- [Task prompt]
When the line with "#10=IFCLOCALPLACEMENT(#9,#2);" appears below, start repeating lines exactly, and keep going through the line with "#27=IFCINDEXEDPOLYGONALFACE((7,28,30,9));"; add nothing outside that span.

- [Data to process]
********

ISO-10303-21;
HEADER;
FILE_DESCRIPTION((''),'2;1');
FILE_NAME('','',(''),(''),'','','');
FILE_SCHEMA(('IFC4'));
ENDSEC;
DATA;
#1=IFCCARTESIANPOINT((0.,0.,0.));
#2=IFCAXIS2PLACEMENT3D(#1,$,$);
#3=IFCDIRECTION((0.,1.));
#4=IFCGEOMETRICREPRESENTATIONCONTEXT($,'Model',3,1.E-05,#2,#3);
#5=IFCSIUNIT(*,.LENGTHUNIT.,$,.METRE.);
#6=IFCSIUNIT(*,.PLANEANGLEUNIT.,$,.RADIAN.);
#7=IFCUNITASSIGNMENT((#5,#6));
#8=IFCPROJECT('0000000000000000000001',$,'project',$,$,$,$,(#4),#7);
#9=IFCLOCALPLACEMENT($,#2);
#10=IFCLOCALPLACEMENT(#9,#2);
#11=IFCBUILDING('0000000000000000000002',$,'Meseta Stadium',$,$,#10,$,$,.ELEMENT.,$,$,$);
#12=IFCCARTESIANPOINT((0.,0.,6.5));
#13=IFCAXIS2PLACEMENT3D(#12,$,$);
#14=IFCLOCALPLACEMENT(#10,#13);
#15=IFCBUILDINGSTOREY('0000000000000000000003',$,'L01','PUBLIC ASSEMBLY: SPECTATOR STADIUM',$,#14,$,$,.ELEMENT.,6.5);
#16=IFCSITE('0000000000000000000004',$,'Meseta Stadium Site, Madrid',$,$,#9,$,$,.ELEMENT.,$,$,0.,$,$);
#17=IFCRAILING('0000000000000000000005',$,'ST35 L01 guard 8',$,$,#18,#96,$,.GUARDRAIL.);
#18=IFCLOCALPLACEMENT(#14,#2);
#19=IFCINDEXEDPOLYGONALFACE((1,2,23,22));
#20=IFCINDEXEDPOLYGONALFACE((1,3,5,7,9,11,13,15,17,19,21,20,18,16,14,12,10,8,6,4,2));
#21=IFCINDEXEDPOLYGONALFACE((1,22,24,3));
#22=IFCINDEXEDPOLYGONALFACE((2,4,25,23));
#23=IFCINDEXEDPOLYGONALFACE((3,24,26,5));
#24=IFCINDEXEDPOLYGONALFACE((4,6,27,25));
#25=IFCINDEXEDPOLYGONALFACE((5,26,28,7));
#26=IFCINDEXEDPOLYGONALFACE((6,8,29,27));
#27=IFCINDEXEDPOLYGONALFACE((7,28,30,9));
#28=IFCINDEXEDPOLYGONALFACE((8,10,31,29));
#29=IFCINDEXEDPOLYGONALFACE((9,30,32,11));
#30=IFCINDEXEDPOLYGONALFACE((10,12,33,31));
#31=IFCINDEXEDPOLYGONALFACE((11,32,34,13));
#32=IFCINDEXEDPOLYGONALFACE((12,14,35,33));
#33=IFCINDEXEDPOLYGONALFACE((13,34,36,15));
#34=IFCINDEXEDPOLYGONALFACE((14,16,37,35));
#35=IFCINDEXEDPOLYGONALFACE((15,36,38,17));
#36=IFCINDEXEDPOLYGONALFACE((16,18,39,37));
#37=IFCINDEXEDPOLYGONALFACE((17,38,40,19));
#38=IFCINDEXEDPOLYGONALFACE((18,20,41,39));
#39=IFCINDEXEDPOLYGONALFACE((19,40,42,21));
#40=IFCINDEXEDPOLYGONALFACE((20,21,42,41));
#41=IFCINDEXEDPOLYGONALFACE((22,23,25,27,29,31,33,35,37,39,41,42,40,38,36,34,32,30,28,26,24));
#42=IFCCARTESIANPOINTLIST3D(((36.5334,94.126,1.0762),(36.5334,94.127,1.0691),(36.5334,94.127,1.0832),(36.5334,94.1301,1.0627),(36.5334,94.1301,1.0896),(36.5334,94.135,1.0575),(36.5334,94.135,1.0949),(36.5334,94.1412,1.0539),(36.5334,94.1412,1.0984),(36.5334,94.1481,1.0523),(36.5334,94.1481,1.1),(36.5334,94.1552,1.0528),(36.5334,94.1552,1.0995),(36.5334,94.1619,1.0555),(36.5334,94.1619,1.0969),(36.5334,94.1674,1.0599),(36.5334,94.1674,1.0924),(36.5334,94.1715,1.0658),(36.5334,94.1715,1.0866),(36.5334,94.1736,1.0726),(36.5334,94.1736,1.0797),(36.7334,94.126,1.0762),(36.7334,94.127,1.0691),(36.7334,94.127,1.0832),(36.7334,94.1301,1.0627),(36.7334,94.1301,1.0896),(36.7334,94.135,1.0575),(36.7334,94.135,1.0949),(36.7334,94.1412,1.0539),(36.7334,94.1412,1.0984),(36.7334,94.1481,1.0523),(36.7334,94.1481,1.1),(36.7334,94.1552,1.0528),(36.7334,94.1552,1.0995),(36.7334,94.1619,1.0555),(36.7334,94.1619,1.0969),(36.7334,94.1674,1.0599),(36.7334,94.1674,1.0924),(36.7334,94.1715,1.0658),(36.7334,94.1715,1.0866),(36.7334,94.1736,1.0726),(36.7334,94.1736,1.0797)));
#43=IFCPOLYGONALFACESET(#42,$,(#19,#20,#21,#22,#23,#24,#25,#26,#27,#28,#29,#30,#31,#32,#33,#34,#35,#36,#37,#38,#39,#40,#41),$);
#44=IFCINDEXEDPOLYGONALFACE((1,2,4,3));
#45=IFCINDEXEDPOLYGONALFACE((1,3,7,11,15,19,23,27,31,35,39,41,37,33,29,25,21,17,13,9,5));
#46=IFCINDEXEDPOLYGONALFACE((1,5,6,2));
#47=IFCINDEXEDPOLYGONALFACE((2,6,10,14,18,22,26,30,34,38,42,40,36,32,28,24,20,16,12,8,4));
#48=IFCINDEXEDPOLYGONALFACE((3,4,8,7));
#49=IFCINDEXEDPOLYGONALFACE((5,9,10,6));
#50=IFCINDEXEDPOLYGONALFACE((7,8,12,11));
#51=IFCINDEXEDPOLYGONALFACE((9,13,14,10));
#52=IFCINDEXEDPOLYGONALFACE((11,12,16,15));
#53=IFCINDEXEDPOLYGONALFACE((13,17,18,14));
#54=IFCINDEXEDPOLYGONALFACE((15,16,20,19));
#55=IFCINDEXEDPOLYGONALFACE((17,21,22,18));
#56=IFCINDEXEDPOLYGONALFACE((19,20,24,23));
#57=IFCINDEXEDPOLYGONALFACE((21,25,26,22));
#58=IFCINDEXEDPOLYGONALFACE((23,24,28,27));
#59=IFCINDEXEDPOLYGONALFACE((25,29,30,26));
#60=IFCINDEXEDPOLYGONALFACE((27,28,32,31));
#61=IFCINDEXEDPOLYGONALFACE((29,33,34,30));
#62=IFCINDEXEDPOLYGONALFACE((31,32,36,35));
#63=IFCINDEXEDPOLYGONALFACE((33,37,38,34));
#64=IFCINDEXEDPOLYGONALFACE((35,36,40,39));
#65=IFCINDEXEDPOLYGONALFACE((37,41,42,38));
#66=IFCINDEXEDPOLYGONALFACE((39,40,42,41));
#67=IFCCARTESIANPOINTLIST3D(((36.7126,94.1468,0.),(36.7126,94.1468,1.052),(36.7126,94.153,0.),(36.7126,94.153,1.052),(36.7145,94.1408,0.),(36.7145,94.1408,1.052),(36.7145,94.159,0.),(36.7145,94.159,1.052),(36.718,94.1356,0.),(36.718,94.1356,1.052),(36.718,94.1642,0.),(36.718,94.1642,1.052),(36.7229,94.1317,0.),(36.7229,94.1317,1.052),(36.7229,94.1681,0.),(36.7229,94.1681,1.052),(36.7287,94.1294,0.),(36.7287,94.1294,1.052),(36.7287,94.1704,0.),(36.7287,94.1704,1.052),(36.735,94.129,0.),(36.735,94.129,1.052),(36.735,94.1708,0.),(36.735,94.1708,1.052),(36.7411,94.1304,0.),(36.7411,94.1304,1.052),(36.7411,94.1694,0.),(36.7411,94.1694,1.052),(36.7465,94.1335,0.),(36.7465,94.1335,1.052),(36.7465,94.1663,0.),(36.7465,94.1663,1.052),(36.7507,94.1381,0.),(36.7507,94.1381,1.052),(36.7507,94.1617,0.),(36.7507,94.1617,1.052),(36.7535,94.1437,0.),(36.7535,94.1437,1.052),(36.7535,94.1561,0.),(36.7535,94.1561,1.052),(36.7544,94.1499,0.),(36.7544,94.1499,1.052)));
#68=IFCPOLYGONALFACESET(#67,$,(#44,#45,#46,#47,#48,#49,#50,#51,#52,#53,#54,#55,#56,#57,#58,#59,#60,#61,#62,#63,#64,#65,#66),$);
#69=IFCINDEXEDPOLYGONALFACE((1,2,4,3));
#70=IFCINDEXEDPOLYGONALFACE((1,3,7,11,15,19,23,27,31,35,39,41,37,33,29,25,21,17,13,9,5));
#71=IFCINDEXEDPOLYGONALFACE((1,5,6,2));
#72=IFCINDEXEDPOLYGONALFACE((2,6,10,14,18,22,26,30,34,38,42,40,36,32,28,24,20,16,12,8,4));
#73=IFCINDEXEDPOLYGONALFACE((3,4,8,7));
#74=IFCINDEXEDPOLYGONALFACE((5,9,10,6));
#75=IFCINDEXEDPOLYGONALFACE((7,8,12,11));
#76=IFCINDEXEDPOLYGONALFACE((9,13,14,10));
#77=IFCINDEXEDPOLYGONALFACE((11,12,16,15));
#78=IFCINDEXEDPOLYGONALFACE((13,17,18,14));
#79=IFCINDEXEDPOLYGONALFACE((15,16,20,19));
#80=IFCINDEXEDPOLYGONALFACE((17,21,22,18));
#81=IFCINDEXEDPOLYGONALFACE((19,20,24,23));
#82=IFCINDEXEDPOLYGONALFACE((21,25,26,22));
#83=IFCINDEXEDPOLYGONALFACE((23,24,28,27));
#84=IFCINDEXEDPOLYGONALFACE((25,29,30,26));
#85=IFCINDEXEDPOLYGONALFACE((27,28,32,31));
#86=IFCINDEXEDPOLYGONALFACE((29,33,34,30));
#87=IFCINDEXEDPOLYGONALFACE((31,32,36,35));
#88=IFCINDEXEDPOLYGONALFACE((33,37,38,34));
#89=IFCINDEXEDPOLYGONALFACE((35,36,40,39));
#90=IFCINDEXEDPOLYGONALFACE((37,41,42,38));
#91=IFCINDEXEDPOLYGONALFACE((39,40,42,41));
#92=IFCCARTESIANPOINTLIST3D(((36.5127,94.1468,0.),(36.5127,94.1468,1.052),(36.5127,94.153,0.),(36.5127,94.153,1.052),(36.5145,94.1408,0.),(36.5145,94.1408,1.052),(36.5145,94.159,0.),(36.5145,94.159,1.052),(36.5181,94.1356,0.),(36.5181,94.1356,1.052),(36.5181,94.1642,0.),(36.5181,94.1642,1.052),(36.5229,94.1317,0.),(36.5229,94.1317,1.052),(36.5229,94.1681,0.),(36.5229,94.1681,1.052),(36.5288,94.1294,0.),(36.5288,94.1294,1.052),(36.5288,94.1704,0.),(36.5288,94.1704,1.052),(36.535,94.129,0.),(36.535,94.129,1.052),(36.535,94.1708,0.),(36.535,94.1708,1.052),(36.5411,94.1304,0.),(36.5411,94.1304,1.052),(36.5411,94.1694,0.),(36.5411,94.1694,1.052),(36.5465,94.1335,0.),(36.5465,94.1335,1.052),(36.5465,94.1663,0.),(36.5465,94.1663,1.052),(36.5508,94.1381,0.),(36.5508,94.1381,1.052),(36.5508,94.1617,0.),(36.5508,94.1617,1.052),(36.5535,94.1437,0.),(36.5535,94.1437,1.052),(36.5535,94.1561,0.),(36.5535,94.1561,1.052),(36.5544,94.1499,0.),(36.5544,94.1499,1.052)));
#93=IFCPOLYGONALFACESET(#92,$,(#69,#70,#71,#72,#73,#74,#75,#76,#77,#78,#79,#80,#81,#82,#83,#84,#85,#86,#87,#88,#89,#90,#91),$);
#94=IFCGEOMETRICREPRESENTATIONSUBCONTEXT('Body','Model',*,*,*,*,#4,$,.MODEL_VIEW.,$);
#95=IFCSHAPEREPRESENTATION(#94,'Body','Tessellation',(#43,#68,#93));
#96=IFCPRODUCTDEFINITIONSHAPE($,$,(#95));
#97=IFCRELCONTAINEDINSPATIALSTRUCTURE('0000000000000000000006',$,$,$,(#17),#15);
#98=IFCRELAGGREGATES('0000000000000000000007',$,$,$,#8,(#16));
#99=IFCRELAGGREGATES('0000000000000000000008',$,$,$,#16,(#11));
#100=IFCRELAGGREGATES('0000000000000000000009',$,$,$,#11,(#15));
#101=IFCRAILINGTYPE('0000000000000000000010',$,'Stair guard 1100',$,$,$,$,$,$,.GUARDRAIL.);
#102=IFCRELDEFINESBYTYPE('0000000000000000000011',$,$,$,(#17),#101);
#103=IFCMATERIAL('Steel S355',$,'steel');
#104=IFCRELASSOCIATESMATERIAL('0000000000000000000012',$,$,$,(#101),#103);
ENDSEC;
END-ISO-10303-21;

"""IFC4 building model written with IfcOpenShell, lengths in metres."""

from ifc_helpers import new_model, si_unit, direction, frame, origin, origin_2d, place, context, subcontext, project, spatial, circle, extrude, material, type_object, element, save


model = new_model("IFC4")

# Units and contexts
model_context = context("Model", 3, precision=1e-05, world=origin(), true_north=direction((0.0, 1.0)))
body_context = subcontext(model_context, "Body", "Model", "MODEL_VIEW")
ifc_project = project(units=[si_unit("LENGTHUNIT", "METRE"), si_unit("PLANEANGLEUNIT", "RADIAN")], contexts=[model_context])

# Site, building, storey
site_placement = place(None, origin())
site = spatial("IfcSite", under=ifc_project, at=site_placement, Name="Meseta Stadium Site, Madrid", CompositionType="ELEMENT", RefElevation=0.0)
building_placement = place(site_placement, origin())
building = spatial("IfcBuilding", under=site, at=building_placement, Name="Meseta Stadium", CompositionType="ELEMENT")
storey_placement = place(building_placement, frame((0.0, 0.0, 6.5)))
storey = spatial("IfcBuildingStorey", under=building, at=storey_placement, Name="L01", Description="PUBLIC ASSEMBLY: SPECTATOR STADIUM", CompositionType="ELEMENT", Elevation=6.5)

# Railing
ifc_material_1 = material(Name="Steel S355", Category="steel")
railing_type_1 = type_object("IfcRailingType", Name="Stair guard 1100", PredefinedType="GUARDRAIL", material=ifc_material_1)
railing_1_placement = place(storey_placement, frame((36.7334, 94.1499, 0.0)))
element("IfcRailing", 1, at=railing_1_placement, inside=storey, type_object=railing_type_1, Name="ST35 L01 guard 8", PredefinedType="GUARDRAIL", context=body_context, shape_type="SweptSolid", body=[
    extrude(circle(Radius=0.0239, at=origin_2d()), frame((0.0, 0.0, 1.0762), z_axis=(-1.0, 0.0, 0.0), x_axis=(0.0, -1.0, 0.0)), (0.0, 0.0, 1.0), 0.2),
    extrude(circle(Radius=0.021, at=origin_2d()), origin(), (0.0, 0.0, 1.0), 1.052),
    extrude(circle(Radius=0.021, at=origin_2d()), frame((-0.2, 0.0, 0.0)), (0.0, 0.0, 1.0), 1.052),
])

save(model, "model.ifc")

********

- [Exercise result]
#10=IFCLOCALPLACEMENT(#9,#2);
#11=IFCBUILDING('0000000000000000000002',$,'Meseta Stadium',$,$,#10,$,$,.ELEMENT.,$,$,$);
#12=IFCCARTESIANPOINT((0.,0.,6.5));
#13=IFCAXIS2PLACEMENT3D(#12,$,$);
#14=IFCLOCALPLACEMENT(#10,#13);
#15=IFCBUILDINGSTOREY('0000000000000000000003',$,'L01','PUBLIC ASSEMBLY: SPECTATOR STADIUM',$,#14,$,$,.ELEMENT.,6.5);
#16=IFCSITE('0000000000000000000004',$,'Meseta Stadium Site, Madrid',$,$,#9,$,$,.ELEMENT.,$,$,0.,$,$);
#17=IFCRAILING('0000000000000000000005',$,'ST35 L01 guard 8',$,$,#18,#96,$,.GUARDRAIL.);
#18=IFCLOCALPLACEMENT(#14,#2);
#19=IFCINDEXEDPOLYGONALFACE((1,2,23,22));
#20=IFCINDEXEDPOLYGONALFACE((1,3,5,7,9,11,13,15,17,19,21,20,18,16,14,12,10,8,6,4,2));
#21=IFCINDEXEDPOLYGONALFACE((1,22,24,3));
#22=IFCINDEXEDPOLYGONALFACE((2,4,25,23));
#23=IFCINDEXEDPOLYGONALFACE((3,24,26,5));
#24=IFCINDEXEDPOLYGONALFACE((4,6,27,25));
#25=IFCINDEXEDPOLYGONALFACE((5,26,28,7));
#26=IFCINDEXEDPOLYGONALFACE((6,8,29,27));
#27=IFCINDEXEDPOLYGONALFACE((7,28,30,9));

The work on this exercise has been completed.